Required work ▸ Repeat the records below line by line, exactly, finishing on the line that contains "#24=IFCINDEXEDPOLYGONALFACE((5,7,8,6));".

--- Input records Enclosed Below ---

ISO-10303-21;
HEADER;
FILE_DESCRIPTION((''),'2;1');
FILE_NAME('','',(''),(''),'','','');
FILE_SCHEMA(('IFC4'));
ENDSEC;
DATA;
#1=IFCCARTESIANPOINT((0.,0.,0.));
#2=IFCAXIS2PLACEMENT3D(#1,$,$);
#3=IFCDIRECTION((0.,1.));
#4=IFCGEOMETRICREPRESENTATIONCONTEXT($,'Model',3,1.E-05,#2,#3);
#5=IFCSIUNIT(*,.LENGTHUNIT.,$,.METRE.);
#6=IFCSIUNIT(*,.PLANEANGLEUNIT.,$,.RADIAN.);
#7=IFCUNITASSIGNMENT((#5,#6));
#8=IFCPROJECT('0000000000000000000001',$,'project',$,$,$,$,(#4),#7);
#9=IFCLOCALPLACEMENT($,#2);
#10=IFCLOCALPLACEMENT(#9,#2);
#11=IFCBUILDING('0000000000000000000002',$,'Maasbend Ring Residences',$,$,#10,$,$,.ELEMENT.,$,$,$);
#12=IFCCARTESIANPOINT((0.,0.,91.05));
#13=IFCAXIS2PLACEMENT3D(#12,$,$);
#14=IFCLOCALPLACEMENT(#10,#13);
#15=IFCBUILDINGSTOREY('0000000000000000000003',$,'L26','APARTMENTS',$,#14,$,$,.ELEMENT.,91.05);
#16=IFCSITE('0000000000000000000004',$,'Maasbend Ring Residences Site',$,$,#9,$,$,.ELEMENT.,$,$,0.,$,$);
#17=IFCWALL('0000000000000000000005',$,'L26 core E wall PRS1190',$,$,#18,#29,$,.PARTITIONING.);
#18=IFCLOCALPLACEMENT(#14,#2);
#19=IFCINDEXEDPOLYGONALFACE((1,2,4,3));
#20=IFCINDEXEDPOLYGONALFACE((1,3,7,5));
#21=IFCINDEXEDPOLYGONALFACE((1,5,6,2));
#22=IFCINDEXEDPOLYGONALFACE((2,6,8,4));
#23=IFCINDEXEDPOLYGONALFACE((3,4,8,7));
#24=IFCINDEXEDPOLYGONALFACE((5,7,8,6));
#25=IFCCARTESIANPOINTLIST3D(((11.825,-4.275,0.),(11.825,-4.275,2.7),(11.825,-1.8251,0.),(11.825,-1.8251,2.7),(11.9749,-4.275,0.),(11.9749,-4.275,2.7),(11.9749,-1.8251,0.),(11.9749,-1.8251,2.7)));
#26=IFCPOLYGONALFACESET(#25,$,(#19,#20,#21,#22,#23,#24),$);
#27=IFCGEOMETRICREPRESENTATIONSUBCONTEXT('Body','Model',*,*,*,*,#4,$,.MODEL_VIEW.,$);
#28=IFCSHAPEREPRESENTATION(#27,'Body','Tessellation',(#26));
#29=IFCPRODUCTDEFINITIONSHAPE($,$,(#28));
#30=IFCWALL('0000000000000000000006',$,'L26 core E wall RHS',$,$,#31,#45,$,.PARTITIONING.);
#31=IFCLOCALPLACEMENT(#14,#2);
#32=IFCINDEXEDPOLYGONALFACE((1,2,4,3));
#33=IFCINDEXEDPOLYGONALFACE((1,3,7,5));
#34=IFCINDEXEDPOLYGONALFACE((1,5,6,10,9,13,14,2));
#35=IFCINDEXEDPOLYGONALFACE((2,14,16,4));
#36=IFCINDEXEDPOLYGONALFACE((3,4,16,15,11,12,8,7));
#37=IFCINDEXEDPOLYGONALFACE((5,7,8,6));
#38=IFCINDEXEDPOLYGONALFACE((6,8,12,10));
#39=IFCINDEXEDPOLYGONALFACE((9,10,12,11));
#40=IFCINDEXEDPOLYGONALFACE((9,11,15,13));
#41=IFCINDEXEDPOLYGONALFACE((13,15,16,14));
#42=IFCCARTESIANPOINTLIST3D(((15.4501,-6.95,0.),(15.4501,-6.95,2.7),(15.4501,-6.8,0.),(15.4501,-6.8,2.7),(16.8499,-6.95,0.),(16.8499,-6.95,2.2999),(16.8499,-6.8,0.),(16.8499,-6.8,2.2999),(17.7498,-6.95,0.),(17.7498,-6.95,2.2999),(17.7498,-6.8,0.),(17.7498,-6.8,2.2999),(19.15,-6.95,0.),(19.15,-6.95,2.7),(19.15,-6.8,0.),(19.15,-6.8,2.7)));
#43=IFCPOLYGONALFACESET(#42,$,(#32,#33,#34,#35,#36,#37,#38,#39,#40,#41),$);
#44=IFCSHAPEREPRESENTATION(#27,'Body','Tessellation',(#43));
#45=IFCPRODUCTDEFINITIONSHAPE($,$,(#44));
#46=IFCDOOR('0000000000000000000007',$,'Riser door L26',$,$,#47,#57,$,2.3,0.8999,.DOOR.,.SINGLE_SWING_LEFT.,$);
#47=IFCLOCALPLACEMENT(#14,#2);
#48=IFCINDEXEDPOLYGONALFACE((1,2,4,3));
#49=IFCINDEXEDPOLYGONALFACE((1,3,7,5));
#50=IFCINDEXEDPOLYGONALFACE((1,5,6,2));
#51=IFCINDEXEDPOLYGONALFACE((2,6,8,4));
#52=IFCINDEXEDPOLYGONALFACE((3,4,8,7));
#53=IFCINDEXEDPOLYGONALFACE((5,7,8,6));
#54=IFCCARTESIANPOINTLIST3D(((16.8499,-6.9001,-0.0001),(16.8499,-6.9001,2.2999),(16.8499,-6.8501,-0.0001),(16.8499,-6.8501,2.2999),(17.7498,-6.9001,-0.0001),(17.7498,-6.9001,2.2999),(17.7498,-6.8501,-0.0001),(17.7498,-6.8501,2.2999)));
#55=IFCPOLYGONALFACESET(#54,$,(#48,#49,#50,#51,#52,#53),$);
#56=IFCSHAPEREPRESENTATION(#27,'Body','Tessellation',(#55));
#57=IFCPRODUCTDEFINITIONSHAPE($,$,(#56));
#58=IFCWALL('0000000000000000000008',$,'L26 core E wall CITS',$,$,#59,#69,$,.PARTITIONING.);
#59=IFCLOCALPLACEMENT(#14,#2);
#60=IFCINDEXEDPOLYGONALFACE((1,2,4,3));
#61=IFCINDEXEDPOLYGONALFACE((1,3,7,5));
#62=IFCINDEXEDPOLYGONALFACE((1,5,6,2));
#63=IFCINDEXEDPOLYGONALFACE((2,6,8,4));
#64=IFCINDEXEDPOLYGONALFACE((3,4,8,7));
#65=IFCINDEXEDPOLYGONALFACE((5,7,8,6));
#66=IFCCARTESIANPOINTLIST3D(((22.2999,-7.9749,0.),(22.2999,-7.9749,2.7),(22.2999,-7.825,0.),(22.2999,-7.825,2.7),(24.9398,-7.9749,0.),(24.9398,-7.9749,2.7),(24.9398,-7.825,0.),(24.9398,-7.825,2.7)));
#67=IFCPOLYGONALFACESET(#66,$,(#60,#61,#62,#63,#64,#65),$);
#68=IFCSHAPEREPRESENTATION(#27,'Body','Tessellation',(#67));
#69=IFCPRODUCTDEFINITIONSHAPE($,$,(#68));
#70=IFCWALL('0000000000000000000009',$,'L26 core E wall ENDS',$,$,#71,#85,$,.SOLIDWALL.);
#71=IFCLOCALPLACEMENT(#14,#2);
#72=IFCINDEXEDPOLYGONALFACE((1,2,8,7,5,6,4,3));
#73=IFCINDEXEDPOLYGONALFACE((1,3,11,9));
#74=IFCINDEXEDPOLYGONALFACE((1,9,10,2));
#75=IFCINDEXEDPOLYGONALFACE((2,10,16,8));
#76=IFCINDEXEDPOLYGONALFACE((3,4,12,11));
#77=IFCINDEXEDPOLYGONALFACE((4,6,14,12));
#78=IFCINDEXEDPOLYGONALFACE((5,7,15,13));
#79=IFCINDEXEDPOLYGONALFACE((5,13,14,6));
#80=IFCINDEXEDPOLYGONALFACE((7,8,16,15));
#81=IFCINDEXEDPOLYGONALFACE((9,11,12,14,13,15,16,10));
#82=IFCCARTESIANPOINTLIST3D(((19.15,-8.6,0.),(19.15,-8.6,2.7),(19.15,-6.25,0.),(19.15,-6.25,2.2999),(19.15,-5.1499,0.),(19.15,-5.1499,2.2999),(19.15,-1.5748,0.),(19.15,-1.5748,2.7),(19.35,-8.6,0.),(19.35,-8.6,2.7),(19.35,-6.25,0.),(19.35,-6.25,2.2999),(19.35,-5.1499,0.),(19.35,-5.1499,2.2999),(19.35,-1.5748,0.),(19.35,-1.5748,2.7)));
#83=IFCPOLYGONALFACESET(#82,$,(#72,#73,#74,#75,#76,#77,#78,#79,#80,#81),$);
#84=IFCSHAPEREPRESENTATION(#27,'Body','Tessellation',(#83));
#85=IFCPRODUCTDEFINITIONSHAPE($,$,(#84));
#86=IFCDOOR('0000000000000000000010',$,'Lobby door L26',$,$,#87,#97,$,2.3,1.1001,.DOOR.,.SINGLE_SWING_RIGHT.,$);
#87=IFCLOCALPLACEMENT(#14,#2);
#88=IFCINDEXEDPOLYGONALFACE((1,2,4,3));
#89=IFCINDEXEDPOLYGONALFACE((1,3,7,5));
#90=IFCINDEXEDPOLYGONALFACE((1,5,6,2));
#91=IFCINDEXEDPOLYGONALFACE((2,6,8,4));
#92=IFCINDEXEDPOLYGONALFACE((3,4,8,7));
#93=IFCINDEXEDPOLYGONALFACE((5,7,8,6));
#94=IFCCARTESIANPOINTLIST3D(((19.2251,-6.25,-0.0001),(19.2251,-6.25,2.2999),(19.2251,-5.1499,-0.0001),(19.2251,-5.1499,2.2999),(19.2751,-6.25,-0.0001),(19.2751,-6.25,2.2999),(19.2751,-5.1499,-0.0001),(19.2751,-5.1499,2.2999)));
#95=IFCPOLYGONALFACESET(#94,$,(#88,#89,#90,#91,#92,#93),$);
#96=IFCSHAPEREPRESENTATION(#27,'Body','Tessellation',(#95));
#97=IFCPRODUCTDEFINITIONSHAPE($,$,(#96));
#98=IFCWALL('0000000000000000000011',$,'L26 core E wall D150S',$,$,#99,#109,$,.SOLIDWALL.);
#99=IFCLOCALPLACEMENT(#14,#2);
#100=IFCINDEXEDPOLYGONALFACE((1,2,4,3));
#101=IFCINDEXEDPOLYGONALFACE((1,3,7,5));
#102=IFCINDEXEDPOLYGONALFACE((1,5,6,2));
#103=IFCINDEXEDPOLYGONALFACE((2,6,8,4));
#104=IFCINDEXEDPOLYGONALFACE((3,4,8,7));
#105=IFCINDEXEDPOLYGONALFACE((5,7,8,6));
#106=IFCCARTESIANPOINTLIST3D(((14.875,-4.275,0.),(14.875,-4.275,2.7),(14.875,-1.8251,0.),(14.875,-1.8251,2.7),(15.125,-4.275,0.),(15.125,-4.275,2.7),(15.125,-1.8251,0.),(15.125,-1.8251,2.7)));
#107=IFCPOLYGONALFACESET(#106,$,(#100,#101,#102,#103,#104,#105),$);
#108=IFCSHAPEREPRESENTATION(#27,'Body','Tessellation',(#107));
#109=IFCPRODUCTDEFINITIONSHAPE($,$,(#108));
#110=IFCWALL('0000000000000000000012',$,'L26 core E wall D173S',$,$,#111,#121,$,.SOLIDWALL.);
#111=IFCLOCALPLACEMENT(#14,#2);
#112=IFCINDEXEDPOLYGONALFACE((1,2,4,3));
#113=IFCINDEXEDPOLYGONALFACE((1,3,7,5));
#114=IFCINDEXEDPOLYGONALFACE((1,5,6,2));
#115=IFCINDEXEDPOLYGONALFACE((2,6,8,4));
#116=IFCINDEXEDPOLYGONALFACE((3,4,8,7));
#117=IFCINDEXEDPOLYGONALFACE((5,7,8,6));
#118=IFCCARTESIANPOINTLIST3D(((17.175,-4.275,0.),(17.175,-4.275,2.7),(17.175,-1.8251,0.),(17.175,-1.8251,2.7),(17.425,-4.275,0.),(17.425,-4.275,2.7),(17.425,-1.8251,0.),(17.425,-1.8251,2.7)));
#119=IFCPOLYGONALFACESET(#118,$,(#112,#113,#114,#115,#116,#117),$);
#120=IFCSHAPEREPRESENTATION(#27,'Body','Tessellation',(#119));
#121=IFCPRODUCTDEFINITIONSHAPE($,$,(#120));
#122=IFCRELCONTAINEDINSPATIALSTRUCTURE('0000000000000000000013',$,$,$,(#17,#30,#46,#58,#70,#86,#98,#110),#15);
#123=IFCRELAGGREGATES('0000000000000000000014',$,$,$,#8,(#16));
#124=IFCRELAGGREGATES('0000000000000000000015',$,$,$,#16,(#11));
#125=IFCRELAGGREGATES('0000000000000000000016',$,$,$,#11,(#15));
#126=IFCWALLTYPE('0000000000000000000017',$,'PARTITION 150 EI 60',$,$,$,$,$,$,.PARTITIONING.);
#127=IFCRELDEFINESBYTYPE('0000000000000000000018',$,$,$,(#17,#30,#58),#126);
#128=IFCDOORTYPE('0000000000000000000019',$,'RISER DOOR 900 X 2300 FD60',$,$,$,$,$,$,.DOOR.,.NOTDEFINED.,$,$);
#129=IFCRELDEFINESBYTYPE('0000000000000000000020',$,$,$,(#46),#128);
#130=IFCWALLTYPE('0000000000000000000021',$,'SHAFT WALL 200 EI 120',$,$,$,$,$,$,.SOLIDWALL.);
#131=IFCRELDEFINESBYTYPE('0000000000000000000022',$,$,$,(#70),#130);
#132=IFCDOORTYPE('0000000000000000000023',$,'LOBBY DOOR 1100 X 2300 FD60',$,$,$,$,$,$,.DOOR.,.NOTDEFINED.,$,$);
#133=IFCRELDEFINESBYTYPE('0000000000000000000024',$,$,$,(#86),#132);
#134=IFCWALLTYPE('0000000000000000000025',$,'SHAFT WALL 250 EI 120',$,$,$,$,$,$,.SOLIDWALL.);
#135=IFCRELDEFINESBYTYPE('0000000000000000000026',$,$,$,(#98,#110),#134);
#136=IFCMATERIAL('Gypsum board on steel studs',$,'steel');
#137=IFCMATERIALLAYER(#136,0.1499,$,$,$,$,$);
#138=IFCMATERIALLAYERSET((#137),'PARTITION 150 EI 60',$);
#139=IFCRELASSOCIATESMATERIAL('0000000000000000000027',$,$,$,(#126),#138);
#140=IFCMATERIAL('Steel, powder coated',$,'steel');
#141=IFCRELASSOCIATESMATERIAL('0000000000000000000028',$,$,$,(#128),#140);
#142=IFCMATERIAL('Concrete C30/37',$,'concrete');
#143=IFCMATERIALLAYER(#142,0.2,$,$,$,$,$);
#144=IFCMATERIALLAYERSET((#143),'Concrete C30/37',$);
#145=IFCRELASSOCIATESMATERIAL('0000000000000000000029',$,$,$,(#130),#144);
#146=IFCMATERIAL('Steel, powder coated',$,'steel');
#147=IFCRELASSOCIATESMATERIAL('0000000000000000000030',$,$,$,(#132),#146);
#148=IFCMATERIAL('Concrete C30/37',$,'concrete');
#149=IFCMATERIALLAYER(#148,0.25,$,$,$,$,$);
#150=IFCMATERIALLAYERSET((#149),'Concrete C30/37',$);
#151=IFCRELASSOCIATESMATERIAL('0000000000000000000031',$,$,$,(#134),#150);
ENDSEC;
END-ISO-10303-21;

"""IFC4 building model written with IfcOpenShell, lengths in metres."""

from ifc_helpers import new_model, si_unit, direction, frame, frame_2d, origin, place, context, subcontext, project, spatial, rectangle, extrude, material, layer, layer_set, type_object, element, fill, save


model = new_model("IFC4")

# Units and contexts
model_context = context("Model", 3, precision=1e-05, world=origin(), true_north=direction((0.0, 1.0)))
body_context = subcontext(model_context, "Body", "Model", "MODEL_VIEW")
ifc_project = project(units=[si_unit("LENGTHUNIT", "METRE"), si_unit("PLANEANGLEUNIT", "RADIAN")], contexts=[model_context])

# Site, building, storey
site_placement = place(None, origin())
site = spatial("IfcSite", under=ifc_project, at=site_placement, Name="Maasbend Ring Residences Site", CompositionType="ELEMENT", RefElevation=0.0)
building_placement = place(site_placement, origin())
building = spatial("IfcBuilding", under=site, at=building_placement, Name="Maasbend Ring Residences", CompositionType="ELEMENT")
storey_placement = place(building_placement, frame((0.0, 0.0, 91.05)))
storey = spatial("IfcBuildingStorey", under=building, at=storey_placement, Name="L26", Description="APARTMENTS", CompositionType="ELEMENT", Elevation=91.05)

# Wall
ifc_material_1 = material(Name="Gypsum board on steel studs", Category="steel")
ifc_layer_1 = layer(ifc_material_1, 0.1499)
ifc_layer_set_1 = layer_set([ifc_layer_1], Name="PARTITION 150 EI 60")
wall_type_1 = type_object("IfcWallType", Name="PARTITION 150 EI 60", PredefinedType="PARTITIONING", material=ifc_layer_set_1)
wall_1_placement = place(storey_placement, frame((11.8999, -1.825, 0.0), z_axis=(0.0, 0.0, 1.0), x_axis=(0.0, -1.0, 0.0)))
element("IfcWall", 1, at=wall_1_placement, inside=storey, type_object=wall_type_1, Name="L26 core E wall PRS1190", PredefinedType="PARTITIONING", context=body_context, shape_type="SweptSolid", body=[
    extrude(rectangle(XDim=2.45, YDim=0.1499, at=frame_2d((1.2251, 0.0))), origin(), (0.0, 0.0, 1.0), 2.7),
])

--- End of Enclosed Input records ---

Answer to this problem ▸
ISO-10303-21;
HEADER;
FILE_DESCRIPTION((''),'2;1');
FILE_NAME('','',(''),(''),'','','');
FILE_SCHEMA(('IFC4'));
ENDSEC;
DATA;
#1=IFCCARTESIANPOINT((0.,0.,0.));
#2=IFCAXIS2PLACEMENT3D(#1,$,$);
#3=IFCDIRECTION((0.,1.));
#4=IFCGEOMETRICREPRESENTATIONCONTEXT($,'Model',3,1.E-05,#2,#3);
#5=IFCSIUNIT(*,.LENGTHUNIT.,$,.METRE.);
#6=IFCSIUNIT(*,.PLANEANGLEUNIT.,$,.RADIAN.);
#7=IFCUNITASSIGNMENT((#5,#6));
#8=IFCPROJECT('0000000000000000000001',$,'project',$,$,$,$,(#4),#7);
#9=IFCLOCALPLACEMENT($,#2);
#10=IFCLOCALPLACEMENT(#9,#2);
#11=IFCBUILDING('0000000000000000000002',$,'Maasbend Ring Residences',$,$,#10,$,$,.ELEMENT.,$,$,$);
#12=IFCCARTESIANPOINT((0.,0.,91.05));
#13=IFCAXIS2PLACEMENT3D(#12,$,$);
#14=IFCLOCALPLACEMENT(#10,#13);
#15=IFCBUILDINGSTOREY('0000000000000000000003',$,'L26','APARTMENTS',$,#14,$,$,.ELEMENT.,91.05);
#16=IFCSITE('0000000000000000000004',$,'Maasbend Ring Residences Site',$,$,#9,$,$,.ELEMENT.,$,$,0.,$,$);
#17=IFCWALL('0000000000000000000005',$,'L26 core E wall PRS1190',$,$,#18,#29,$,.PARTITIONING.);
#18=IFCLOCALPLACEMENT(#14,#2);
#19=IFCINDEXEDPOLYGONALFACE((1,2,4,3));
#20=IFCINDEXEDPOLYGONALFACE((1,3,7,5));
#21=IFCINDEXEDPOLYGONALFACE((1,5,6,2));
#22=IFCINDEXEDPOLYGONALFACE((2,6,8,4));
#23=IFCINDEXEDPOLYGONALFACE((3,4,8,7));
#24=IFCINDEXEDPOLYGONALFACE((5,7,8,6));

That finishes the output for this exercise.